[Requirement] Filter the data below for the string "IFCSHAPEREPRESENTATION" and copy each matching line.
*** Opening Source data ***
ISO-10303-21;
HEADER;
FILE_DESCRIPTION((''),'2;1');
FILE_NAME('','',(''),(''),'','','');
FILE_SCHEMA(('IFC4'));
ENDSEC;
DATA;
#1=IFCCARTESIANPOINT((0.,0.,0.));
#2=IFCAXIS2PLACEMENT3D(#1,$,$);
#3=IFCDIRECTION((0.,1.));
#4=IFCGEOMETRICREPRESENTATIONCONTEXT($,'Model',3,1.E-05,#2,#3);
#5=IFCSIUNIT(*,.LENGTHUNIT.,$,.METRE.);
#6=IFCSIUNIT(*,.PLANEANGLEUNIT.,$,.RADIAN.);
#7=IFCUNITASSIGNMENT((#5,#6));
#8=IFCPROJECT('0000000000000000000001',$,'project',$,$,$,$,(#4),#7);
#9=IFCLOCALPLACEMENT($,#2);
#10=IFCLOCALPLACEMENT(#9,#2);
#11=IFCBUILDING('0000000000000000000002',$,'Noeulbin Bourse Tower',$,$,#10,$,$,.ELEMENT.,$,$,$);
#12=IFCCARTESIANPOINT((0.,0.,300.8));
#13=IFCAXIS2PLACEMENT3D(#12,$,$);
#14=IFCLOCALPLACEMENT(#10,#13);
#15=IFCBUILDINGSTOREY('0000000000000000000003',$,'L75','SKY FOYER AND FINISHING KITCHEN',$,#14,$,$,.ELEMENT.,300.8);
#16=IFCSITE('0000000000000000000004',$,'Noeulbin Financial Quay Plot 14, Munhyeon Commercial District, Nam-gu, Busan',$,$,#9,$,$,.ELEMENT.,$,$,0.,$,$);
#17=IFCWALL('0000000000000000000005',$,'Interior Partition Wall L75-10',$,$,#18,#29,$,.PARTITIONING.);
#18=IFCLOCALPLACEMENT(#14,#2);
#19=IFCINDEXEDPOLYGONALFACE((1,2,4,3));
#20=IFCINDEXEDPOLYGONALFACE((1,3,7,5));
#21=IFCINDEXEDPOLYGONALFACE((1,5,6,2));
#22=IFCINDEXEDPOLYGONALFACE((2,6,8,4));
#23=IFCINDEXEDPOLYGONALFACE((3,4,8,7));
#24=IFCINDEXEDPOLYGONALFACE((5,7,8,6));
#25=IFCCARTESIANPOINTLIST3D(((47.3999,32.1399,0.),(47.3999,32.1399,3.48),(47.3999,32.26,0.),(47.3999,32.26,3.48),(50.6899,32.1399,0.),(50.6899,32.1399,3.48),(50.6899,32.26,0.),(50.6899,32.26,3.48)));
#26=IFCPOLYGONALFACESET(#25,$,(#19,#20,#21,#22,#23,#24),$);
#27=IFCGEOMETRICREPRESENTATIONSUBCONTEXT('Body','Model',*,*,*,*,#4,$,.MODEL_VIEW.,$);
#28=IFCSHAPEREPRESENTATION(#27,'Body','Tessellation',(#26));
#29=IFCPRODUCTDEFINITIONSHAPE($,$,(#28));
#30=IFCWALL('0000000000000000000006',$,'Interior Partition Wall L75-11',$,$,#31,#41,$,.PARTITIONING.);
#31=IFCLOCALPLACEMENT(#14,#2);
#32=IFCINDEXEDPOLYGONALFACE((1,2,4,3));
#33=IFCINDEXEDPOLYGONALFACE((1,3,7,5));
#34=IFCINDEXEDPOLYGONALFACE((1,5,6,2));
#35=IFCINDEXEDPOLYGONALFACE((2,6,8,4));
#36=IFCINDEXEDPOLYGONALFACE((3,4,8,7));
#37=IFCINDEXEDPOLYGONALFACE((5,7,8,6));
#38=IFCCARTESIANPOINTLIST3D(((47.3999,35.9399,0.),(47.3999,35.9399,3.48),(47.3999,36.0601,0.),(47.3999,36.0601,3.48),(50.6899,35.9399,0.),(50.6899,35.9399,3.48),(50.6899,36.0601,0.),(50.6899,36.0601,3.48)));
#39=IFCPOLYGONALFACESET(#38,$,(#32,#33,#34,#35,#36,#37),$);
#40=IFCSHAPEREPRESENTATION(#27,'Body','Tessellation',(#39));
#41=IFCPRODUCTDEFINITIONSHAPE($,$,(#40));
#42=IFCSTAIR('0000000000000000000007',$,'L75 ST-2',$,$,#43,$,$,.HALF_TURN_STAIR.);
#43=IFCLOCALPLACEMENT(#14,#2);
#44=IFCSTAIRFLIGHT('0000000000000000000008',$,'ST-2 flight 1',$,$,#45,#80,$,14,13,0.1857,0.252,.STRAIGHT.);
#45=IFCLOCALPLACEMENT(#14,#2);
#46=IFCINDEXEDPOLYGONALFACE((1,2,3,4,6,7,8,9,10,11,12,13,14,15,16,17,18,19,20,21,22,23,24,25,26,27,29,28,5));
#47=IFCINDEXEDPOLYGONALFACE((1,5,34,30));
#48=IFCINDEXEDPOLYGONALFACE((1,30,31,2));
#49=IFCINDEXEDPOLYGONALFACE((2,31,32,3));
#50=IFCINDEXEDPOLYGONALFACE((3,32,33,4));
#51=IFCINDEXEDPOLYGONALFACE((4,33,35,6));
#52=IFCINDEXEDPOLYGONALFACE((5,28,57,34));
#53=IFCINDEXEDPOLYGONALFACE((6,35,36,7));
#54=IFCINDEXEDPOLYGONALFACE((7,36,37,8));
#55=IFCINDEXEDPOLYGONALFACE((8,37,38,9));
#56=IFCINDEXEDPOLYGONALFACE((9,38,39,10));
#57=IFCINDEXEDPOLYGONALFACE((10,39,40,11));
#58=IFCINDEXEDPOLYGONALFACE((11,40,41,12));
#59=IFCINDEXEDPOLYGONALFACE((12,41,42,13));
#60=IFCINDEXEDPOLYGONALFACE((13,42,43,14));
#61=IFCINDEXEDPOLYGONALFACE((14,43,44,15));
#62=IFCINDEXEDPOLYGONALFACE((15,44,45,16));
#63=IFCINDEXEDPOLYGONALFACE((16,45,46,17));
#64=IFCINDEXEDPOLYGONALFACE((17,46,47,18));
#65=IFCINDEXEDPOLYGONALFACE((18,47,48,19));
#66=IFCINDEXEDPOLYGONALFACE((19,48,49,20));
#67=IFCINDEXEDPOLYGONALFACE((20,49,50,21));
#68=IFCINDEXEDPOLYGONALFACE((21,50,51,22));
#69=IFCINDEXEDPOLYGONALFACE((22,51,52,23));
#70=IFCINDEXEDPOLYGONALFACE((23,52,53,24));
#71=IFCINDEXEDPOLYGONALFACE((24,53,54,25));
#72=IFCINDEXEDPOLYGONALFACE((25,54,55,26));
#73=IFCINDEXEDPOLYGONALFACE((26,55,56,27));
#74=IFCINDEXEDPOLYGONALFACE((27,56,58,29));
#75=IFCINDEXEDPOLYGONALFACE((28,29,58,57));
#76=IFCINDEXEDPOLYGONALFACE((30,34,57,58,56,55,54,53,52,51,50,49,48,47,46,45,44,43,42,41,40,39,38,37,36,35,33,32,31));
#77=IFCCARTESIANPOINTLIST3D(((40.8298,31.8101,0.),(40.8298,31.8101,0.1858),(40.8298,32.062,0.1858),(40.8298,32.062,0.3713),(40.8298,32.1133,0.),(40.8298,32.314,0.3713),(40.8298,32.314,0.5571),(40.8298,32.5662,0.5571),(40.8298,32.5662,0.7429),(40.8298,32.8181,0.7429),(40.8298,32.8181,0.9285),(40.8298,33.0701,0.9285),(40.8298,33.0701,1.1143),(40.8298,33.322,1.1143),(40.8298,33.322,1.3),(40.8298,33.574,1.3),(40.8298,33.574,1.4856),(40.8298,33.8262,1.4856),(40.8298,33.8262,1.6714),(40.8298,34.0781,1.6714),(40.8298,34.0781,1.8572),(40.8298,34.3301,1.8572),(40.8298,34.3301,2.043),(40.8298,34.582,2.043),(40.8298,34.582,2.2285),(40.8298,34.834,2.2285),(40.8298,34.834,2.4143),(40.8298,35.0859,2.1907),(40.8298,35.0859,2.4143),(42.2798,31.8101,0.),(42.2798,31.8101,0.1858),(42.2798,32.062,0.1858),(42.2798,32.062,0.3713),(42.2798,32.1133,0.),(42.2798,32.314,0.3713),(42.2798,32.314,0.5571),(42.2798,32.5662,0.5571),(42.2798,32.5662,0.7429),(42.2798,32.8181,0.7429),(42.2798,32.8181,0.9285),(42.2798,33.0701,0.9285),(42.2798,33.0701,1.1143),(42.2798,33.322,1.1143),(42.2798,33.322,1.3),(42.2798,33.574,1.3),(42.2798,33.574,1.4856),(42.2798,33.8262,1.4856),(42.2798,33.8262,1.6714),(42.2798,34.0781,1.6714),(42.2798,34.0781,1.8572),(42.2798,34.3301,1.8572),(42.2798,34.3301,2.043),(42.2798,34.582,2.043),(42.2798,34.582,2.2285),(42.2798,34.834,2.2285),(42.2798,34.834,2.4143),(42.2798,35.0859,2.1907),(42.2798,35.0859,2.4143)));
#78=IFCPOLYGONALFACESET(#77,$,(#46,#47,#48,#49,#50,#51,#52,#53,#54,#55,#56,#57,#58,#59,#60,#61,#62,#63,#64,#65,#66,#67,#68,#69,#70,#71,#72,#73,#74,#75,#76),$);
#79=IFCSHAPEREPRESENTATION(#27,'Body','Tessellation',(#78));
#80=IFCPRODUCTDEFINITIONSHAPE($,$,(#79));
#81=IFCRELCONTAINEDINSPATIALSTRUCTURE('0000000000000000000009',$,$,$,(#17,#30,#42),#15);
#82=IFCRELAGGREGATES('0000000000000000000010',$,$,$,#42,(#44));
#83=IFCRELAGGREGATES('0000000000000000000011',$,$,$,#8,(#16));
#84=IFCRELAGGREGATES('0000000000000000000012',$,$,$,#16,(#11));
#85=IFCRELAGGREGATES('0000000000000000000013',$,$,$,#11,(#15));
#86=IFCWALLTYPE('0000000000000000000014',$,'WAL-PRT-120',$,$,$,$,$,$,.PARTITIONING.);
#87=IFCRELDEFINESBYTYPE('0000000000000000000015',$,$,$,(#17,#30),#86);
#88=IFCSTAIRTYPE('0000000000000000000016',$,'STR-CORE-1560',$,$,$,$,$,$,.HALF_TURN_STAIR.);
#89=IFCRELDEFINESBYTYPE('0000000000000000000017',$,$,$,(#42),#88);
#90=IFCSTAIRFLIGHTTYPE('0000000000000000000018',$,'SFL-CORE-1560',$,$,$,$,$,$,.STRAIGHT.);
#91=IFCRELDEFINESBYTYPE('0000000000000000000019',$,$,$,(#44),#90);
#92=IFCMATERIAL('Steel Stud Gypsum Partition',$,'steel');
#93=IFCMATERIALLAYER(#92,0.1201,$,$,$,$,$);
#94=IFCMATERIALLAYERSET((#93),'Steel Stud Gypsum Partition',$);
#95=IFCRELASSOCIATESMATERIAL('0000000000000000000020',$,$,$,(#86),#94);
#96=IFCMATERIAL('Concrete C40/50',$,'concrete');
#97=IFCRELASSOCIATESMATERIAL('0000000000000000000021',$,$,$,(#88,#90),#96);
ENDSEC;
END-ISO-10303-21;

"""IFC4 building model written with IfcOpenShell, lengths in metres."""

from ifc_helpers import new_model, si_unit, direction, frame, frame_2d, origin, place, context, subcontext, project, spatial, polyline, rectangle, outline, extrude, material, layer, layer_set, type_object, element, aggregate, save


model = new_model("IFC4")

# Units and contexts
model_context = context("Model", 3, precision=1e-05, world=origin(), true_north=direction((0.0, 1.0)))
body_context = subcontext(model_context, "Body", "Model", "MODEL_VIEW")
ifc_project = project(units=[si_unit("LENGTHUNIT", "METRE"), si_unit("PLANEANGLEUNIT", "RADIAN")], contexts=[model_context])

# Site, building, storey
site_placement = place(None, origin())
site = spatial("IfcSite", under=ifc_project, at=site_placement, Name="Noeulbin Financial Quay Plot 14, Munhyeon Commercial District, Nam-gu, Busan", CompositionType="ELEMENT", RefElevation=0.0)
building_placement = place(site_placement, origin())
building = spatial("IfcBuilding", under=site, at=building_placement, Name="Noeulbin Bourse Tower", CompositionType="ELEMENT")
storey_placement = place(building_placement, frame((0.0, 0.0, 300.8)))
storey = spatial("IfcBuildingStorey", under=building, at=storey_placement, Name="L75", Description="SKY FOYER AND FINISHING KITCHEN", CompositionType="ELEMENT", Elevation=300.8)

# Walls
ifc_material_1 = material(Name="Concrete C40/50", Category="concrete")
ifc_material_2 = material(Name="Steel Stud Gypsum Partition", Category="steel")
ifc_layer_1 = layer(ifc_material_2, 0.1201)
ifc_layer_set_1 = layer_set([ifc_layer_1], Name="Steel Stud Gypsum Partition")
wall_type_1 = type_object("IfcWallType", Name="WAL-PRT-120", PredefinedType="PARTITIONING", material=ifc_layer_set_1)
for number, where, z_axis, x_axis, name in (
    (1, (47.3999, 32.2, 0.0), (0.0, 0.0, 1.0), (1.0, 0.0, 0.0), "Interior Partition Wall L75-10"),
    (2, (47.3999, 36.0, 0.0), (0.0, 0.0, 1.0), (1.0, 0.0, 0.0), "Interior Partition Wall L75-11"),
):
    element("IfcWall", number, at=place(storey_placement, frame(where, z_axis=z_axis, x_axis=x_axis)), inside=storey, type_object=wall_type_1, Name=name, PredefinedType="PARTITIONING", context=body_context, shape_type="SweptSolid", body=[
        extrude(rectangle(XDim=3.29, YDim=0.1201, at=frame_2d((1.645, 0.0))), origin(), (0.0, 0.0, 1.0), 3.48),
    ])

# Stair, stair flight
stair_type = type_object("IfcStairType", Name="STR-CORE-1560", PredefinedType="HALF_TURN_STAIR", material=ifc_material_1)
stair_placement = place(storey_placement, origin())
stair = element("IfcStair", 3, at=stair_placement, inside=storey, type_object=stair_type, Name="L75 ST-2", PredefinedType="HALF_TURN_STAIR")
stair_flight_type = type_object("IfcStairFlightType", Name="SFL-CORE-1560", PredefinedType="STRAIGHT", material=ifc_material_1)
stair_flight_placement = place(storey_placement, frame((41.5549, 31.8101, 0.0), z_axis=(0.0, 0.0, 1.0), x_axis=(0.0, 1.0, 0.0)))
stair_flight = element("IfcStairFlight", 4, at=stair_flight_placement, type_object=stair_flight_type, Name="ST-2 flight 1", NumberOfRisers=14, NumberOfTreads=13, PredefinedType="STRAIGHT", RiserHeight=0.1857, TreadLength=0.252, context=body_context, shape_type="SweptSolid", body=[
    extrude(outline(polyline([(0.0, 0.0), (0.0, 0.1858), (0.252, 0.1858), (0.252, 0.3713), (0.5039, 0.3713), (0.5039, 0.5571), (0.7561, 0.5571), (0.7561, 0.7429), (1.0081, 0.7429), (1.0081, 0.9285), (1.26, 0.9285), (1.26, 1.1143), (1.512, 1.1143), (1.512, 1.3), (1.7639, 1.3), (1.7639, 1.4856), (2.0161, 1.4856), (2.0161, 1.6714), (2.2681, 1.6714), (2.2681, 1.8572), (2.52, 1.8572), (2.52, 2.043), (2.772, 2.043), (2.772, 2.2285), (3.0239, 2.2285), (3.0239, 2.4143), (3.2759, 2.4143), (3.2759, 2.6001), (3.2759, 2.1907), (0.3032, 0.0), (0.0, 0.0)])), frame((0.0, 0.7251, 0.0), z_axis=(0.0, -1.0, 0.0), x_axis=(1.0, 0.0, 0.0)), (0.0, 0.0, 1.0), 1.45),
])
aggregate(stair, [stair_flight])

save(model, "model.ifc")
*** Closing Source data ***
[Reply]
#28=IFCSHAPEREPRESENTATION(#27,'Body','Tessellation',(#26));
#40=IFCSHAPEREPRESENTATION(#27,'Body','Tessellation',(#39));
#79=IFCSHAPEREPRESENTATION(#27,'Body','Tessellation',(#78));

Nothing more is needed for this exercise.